Task requirements: Return the data. Every word must match.
Extracted material Start Marker
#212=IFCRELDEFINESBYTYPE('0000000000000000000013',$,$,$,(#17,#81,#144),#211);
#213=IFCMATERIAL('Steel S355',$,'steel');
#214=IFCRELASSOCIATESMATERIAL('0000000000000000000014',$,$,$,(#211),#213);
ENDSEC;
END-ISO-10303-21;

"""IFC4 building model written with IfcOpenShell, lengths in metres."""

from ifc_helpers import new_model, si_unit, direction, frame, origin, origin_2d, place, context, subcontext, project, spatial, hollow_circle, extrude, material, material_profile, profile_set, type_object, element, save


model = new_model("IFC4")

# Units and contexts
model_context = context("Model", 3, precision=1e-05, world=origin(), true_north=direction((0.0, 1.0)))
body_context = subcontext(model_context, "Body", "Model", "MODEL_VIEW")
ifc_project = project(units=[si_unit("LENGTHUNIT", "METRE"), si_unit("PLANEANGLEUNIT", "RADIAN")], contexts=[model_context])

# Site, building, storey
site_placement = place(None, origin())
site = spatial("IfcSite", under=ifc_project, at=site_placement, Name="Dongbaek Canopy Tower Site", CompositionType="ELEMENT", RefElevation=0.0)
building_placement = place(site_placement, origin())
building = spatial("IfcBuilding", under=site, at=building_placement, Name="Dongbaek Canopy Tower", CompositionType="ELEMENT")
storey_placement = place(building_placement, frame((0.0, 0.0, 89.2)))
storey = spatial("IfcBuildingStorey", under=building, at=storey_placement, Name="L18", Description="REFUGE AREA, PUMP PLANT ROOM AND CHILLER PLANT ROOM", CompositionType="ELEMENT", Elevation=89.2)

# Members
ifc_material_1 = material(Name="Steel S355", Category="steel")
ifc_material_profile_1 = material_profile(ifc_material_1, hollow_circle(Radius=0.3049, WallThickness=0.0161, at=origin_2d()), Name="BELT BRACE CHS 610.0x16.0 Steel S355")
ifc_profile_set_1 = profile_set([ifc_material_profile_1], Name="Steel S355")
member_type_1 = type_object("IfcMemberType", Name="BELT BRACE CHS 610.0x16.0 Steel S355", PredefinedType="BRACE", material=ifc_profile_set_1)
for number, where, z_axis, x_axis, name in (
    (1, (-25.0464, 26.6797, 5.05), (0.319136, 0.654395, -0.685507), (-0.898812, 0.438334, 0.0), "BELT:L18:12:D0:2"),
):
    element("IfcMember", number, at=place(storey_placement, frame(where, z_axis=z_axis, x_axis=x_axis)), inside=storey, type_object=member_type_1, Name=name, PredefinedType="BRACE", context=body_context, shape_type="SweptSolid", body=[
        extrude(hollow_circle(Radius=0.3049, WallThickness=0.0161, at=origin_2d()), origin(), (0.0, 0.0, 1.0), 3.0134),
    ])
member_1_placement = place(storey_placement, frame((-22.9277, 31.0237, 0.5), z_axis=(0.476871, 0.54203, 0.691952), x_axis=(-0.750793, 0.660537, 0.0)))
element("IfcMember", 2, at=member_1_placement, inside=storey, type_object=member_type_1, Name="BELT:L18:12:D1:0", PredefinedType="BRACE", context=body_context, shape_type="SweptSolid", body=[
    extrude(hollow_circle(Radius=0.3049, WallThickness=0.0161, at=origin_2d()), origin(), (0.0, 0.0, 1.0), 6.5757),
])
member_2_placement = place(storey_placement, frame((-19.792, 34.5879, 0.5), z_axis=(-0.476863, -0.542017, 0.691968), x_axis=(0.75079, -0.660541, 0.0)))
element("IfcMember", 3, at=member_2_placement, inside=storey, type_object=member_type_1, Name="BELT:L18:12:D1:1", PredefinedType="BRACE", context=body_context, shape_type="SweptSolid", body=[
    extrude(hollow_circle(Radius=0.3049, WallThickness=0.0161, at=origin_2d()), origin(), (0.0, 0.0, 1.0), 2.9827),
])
Extracted material End Marker
Answer below:
#212=IFCRELDEFINESBYTYPE('0000000000000000000013',$,$,$,(#17,#81,#144),#211);
#213=IFCMATERIAL('Steel S355',$,'steel');
#214=IFCRELASSOCIATESMATERIAL('0000000000000000000014',$,$,$,(#211),#213);
ENDSEC;
END-ISO-10303-21;

"""IFC4 building model written with IfcOpenShell, lengths in metres."""

from ifc_helpers import new_model, si_unit, direction, frame, origin, origin_2d, place, context, subcontext, project, spatial, hollow_circle, extrude, material, material_profile, profile_set, type_object, element, save


model = new_model("IFC4")

# Units and contexts
model_context = context("Model", 3, precision=1e-05, world=origin(), true_north=direction((0.0, 1.0)))
body_context = subcontext(model_context, "Body", "Model", "MODEL_VIEW")
ifc_project = project(units=[si_unit("LENGTHUNIT", "METRE"), si_unit("PLANEANGLEUNIT", "RADIAN")], contexts=[model_context])

# Site, building, storey
site_placement = place(None, origin())
site = spatial("IfcSite", under=ifc_project, at=site_placement, Name="Dongbaek Canopy Tower Site", CompositionType="ELEMENT", RefElevation=0.0)
building_placement = place(site_placement, origin())
building = spatial("IfcBuilding", under=site, at=building_placement, Name="Dongbaek Canopy Tower", CompositionType="ELEMENT")
storey_placement = place(building_placement, frame((0.0, 0.0, 89.2)))
storey = spatial("IfcBuildingStorey", under=building, at=storey_placement, Name="L18", Description="REFUGE AREA, PUMP PLANT ROOM AND CHILLER PLANT ROOM", CompositionType="ELEMENT", Elevation=89.2)

# Members
ifc_material_1 = material(Name="Steel S355", Category="steel")
ifc_material_profile_1 = material_profile(ifc_material_1, hollow_circle(Radius=0.3049, WallThickness=0.0161, at=origin_2d()), Name="BELT BRACE CHS 610.0x16.0 Steel S355")
ifc_profile_set_1 = profile_set([ifc_material_profile_1], Name="Steel S355")
member_type_1 = type_object("IfcMemberType", Name="BELT BRACE CHS 610.0x16.0 Steel S355", PredefinedType="BRACE", material=ifc_profile_set_1)
for number, where, z_axis, x_axis, name in (
    (1, (-25.0464, 26.6797, 5.05), (0.319136, 0.654395, -0.685507), (-0.898812, 0.438334, 0.0), "BELT:L18:12:D0:2"),
):
    element("IfcMember", number, at=place(storey_placement, frame(where, z_axis=z_axis, x_axis=x_axis)), inside=storey, type_object=member_type_1, Name=name, PredefinedType="BRACE", context=body_context, shape_type="SweptSolid", body=[
        extrude(hollow_circle(Radius=0.3049, WallThickness=0.0161, at=origin_2d()), origin(), (0.0, 0.0, 1.0), 3.0134),
    ])
member_1_placement = place(storey_placement, frame((-22.9277, 31.0237, 0.5), z_axis=(0.476871, 0.54203, 0.691952), x_axis=(-0.750793, 0.660537, 0.0)))
element("IfcMember", 2, at=member_1_placement, inside=storey, type_object=member_type_1, Name="BELT:L18:12:D1:0", PredefinedType="BRACE", context=body_context, shape_type="SweptSolid", body=[
    extrude(hollow_circle(Radius=0.3049, WallThickness=0.0161, at=origin_2d()), origin(), (0.0, 0.0, 1.0), 6.5757),
])
member_2_placement = place(storey_placement, frame((-19.792, 34.5879, 0.5), z_axis=(-0.476863, -0.542017, 0.691968), x_axis=(0.75079, -0.660541, 0.0)))
element("IfcMember", 3, at=member_2_placement, inside=storey, type_object=member_type_1, Name="BELT:L18:12:D1:1", PredefinedType="BRACE", context=body_context, shape_type="SweptSolid", body=[
    extrude(hollow_circle(Radius=0.3049, WallThickness=0.0161, at=origin_2d()), origin(), (0.0, 0.0, 1.0), 2.9827),
])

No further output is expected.